Assigned task: From the line that contains "#68=IFCMEMBER('0000000000000000000006',$,'Vault lattice diagonal" to the last line of the entries, write each line out exactly; include both ends and nothing else.

Extracted information:
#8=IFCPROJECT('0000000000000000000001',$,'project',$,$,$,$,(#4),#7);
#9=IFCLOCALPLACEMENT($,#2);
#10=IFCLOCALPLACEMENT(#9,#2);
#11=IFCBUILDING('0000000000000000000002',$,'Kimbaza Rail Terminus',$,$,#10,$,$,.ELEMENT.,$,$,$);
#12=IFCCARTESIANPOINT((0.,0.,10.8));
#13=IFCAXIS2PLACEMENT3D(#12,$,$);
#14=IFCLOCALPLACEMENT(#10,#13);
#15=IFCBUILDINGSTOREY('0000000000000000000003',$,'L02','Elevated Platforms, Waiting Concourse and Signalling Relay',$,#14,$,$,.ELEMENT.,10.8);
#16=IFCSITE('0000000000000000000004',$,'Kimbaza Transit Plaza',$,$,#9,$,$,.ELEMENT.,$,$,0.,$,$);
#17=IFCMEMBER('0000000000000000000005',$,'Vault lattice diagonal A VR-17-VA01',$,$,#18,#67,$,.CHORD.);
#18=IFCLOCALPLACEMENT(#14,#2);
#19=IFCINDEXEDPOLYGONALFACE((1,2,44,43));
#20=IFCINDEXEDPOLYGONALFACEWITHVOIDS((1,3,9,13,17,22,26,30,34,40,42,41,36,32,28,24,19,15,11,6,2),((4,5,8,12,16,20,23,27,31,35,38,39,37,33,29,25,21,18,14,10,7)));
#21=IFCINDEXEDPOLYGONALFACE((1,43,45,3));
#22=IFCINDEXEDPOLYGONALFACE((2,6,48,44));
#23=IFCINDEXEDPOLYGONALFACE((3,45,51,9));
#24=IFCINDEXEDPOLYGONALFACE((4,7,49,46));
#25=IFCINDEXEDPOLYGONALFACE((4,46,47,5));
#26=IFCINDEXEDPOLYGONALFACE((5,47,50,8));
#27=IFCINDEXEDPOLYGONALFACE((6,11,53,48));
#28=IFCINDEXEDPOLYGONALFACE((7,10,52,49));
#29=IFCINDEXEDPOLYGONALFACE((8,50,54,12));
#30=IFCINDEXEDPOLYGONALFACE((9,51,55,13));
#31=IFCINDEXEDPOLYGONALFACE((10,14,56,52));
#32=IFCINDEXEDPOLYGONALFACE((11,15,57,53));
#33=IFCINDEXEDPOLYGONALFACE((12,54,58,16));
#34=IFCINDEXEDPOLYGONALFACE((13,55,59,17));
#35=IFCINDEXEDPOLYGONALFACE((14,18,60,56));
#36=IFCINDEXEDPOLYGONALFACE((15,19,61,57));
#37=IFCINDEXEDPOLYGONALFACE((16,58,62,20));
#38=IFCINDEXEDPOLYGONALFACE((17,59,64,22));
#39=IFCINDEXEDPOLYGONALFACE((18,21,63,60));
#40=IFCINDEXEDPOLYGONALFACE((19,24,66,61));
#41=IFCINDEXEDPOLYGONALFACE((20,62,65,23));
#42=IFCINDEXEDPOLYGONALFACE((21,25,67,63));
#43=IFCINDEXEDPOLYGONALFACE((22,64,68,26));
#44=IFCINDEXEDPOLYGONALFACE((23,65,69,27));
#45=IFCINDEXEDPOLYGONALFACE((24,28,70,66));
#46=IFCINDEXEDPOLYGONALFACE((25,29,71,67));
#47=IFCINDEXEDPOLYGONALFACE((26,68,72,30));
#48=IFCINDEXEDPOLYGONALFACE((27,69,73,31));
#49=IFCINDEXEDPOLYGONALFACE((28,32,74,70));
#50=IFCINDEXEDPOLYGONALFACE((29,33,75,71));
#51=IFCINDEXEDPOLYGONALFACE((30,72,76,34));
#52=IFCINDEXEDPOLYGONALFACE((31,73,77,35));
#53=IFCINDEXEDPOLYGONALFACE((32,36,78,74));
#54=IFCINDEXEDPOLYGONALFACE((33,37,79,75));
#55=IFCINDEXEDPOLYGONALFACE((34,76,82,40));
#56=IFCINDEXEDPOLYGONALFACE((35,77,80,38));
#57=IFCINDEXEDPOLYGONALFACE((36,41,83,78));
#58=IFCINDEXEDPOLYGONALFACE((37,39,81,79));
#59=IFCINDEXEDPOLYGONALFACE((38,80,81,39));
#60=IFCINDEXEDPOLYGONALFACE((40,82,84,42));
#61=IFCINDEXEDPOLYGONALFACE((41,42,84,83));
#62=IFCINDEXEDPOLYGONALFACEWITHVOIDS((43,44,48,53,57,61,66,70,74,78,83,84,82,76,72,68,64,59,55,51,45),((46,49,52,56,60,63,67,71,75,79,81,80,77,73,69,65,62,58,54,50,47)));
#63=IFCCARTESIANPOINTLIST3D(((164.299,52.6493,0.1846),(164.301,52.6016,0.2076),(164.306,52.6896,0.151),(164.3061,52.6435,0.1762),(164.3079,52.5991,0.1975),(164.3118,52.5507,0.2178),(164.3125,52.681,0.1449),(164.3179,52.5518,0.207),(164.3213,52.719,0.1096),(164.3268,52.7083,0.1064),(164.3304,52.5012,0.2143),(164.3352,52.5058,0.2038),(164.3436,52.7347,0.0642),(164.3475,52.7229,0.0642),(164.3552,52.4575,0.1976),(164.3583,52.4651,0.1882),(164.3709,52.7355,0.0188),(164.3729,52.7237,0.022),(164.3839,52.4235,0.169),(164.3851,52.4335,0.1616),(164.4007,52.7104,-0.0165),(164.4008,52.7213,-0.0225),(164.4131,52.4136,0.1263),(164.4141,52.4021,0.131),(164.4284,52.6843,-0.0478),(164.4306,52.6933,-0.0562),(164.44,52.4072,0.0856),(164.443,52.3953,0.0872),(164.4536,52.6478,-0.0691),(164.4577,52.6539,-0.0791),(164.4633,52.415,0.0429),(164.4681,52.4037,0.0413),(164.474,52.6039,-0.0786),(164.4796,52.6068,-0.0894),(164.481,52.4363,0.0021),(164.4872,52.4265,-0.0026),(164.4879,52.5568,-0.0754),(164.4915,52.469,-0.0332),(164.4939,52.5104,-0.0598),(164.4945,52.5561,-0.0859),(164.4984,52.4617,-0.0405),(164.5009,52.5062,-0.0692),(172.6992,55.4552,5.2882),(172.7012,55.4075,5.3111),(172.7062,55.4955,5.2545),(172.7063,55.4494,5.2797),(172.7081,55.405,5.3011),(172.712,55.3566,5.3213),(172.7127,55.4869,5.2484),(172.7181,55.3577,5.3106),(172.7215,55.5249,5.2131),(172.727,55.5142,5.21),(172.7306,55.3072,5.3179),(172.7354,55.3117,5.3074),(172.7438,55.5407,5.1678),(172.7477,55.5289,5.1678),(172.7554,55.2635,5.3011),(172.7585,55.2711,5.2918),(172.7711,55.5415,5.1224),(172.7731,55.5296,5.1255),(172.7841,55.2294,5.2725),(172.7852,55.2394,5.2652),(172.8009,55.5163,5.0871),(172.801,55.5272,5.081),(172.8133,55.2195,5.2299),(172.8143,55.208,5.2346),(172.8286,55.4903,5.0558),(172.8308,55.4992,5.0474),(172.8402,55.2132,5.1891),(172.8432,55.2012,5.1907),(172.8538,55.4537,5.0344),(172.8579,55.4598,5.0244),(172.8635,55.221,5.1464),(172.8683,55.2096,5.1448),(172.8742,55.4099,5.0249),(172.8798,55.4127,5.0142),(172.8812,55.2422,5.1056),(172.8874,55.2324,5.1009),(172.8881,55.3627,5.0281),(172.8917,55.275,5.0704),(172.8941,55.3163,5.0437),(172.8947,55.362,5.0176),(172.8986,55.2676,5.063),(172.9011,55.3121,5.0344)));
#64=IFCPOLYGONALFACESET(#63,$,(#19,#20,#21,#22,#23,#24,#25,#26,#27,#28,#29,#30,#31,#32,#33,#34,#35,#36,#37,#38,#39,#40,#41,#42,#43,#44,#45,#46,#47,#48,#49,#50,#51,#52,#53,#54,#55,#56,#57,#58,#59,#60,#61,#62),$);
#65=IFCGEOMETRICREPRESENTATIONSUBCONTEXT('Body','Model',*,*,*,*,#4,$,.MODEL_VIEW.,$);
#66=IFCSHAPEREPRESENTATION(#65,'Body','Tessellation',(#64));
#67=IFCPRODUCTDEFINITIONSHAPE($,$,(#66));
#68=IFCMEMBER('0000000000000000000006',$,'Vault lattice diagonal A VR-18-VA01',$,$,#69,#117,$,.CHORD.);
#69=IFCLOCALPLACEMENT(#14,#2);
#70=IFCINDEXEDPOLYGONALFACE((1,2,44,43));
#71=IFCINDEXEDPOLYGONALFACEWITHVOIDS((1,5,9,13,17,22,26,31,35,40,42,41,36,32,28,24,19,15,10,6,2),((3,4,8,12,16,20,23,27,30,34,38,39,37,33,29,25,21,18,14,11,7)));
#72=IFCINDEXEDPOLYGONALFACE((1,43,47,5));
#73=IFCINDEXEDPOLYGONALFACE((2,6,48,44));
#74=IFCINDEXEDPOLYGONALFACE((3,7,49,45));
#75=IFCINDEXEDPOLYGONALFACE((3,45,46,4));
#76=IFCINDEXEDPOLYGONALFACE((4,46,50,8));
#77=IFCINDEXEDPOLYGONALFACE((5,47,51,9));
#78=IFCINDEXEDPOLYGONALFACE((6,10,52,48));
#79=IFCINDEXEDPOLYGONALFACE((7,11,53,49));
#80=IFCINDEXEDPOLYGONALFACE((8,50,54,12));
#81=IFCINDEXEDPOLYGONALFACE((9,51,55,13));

Output for this task:
#68=IFCMEMBER('0000000000000000000006',$,'Vault lattice diagonal A VR-18-VA01',$,$,#69,#117,$,.CHORD.);
#69=IFCLOCALPLACEMENT(#14,#2);
#70=IFCINDEXEDPOLYGONALFACE((1,2,44,43));
#71=IFCINDEXEDPOLYGONALFACEWITHVOIDS((1,5,9,13,17,22,26,31,35,40,42,41,36,32,28,24,19,15,10,6,2),((3,4,8,12,16,20,23,27,30,34,38,39,37,33,29,25,21,18,14,11,7)));
#72=IFCINDEXEDPOLYGONALFACE((1,43,47,5));
#73=IFCINDEXEDPOLYGONALFACE((2,6,48,44));
#74=IFCINDEXEDPOLYGONALFACE((3,7,49,45));
#75=IFCINDEXEDPOLYGONALFACE((3,45,46,4));
#76=IFCINDEXEDPOLYGONALFACE((4,46,50,8));
#77=IFCINDEXEDPOLYGONALFACE((5,47,51,9));
#78=IFCINDEXEDPOLYGONALFACE((6,10,52,48));
#79=IFCINDEXEDPOLYGONALFACE((7,11,53,49));
#80=IFCINDEXEDPOLYGONALFACE((8,50,54,12));
#81=IFCINDEXEDPOLYGONALFACE((9,51,55,13));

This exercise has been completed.